*** Opening of Data supplied ***

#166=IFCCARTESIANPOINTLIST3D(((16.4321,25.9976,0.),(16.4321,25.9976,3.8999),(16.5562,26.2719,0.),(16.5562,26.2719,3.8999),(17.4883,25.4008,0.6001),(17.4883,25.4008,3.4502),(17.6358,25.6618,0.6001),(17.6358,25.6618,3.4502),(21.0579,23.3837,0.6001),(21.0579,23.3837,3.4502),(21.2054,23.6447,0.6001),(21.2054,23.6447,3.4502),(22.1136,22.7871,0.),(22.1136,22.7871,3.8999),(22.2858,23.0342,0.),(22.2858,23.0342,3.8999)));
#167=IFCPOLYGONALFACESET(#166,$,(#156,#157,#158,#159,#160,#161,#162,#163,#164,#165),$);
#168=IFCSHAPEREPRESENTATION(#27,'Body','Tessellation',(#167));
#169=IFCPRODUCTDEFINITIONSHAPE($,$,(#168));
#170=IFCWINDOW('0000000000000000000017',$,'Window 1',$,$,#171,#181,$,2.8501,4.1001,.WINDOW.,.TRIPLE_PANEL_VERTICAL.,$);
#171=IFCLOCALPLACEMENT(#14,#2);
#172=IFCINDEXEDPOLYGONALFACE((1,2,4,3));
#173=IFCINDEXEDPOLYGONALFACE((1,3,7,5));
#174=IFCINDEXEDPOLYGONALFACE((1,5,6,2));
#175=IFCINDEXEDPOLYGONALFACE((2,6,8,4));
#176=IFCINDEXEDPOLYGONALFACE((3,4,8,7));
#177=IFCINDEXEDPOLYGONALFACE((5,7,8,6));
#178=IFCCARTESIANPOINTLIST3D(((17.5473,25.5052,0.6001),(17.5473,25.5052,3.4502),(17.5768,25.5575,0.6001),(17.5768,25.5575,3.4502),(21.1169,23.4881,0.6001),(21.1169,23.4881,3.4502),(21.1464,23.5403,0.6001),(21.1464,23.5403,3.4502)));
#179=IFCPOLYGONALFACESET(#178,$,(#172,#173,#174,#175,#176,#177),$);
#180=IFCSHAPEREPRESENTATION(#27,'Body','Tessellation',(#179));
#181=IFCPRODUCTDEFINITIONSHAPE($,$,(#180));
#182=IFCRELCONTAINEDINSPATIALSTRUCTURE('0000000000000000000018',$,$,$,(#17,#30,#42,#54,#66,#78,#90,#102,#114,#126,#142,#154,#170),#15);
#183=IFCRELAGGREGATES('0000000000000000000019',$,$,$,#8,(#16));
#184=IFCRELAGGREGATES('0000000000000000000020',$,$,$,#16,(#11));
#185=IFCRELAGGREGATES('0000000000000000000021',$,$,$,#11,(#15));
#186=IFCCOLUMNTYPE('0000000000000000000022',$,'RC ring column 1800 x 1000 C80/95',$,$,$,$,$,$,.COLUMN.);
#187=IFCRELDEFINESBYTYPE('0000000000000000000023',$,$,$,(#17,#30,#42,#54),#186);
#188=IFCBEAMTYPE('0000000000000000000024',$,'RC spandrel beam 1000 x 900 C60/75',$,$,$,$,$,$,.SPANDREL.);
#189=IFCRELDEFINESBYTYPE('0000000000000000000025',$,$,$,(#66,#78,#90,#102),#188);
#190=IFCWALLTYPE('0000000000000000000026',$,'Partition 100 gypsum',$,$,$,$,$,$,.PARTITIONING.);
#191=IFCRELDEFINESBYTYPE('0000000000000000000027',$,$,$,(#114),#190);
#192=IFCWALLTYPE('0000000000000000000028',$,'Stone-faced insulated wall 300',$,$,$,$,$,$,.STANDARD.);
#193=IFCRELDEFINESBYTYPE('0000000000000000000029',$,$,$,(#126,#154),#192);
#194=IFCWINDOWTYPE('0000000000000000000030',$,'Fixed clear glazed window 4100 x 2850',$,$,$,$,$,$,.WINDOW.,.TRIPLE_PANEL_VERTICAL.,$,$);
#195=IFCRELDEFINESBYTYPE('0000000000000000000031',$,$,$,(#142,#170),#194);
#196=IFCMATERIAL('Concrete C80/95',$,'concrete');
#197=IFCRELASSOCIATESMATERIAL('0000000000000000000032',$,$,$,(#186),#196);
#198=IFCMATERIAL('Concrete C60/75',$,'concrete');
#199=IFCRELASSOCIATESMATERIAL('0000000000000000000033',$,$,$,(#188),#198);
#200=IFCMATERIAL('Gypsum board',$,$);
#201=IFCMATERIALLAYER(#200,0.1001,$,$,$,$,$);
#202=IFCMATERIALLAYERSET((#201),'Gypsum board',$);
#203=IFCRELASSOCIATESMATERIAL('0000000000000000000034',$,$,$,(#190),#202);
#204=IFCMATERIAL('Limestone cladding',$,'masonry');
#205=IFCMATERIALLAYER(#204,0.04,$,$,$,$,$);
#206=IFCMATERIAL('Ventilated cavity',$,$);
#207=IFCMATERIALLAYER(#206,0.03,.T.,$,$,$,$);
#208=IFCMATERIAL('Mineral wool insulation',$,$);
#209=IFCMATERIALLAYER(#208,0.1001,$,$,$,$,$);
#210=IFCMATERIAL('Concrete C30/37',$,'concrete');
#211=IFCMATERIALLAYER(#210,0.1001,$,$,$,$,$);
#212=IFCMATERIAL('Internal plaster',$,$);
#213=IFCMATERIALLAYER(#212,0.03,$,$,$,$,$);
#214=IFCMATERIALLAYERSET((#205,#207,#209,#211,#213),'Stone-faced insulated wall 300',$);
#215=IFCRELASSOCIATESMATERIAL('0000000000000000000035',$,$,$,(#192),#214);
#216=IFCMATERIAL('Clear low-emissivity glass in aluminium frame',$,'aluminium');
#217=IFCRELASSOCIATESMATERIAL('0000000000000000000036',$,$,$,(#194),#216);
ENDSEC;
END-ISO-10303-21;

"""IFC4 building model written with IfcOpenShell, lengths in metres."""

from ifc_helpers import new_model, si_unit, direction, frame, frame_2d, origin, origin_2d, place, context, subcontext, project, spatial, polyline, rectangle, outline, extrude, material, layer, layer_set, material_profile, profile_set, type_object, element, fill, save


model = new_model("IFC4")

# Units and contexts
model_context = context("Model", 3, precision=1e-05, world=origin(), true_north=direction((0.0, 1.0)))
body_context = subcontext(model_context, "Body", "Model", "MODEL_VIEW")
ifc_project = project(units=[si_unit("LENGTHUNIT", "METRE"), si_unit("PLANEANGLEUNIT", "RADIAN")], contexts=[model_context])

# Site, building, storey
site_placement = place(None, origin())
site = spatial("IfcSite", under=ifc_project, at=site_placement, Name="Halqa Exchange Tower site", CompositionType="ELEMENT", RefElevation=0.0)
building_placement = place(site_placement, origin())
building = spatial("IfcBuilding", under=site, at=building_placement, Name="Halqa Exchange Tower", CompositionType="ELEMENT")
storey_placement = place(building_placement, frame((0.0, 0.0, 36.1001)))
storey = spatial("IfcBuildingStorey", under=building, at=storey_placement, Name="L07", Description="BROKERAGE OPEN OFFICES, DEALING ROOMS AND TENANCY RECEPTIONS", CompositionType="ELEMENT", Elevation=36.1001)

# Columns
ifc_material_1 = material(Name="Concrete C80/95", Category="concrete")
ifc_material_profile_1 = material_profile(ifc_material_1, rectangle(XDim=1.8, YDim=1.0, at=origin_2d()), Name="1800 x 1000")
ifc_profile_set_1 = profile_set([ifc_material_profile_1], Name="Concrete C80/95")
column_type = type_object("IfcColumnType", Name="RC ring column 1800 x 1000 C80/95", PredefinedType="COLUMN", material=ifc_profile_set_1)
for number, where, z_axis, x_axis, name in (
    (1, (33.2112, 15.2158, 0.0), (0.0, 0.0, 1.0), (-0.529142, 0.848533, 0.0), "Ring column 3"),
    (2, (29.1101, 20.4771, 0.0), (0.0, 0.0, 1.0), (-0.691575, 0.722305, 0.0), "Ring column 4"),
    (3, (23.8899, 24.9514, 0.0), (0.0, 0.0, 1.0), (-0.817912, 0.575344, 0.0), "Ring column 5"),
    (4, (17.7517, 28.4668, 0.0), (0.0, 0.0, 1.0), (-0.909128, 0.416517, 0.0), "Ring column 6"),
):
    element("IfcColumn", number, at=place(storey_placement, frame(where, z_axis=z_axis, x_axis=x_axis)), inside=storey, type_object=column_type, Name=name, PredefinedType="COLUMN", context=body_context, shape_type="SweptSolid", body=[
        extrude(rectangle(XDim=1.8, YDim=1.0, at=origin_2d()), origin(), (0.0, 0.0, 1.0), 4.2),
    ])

*** Close of Data supplied ***

Work to complete
Scan the listing and report each line where the word "Tessellation" shows up.

Reply to the exercise
#168=IFCSHAPEREPRESENTATION(#27,'Body','Tessellation',(#167));
#180=IFCSHAPEREPRESENTATION(#27,'Body','Tessellation',(#179));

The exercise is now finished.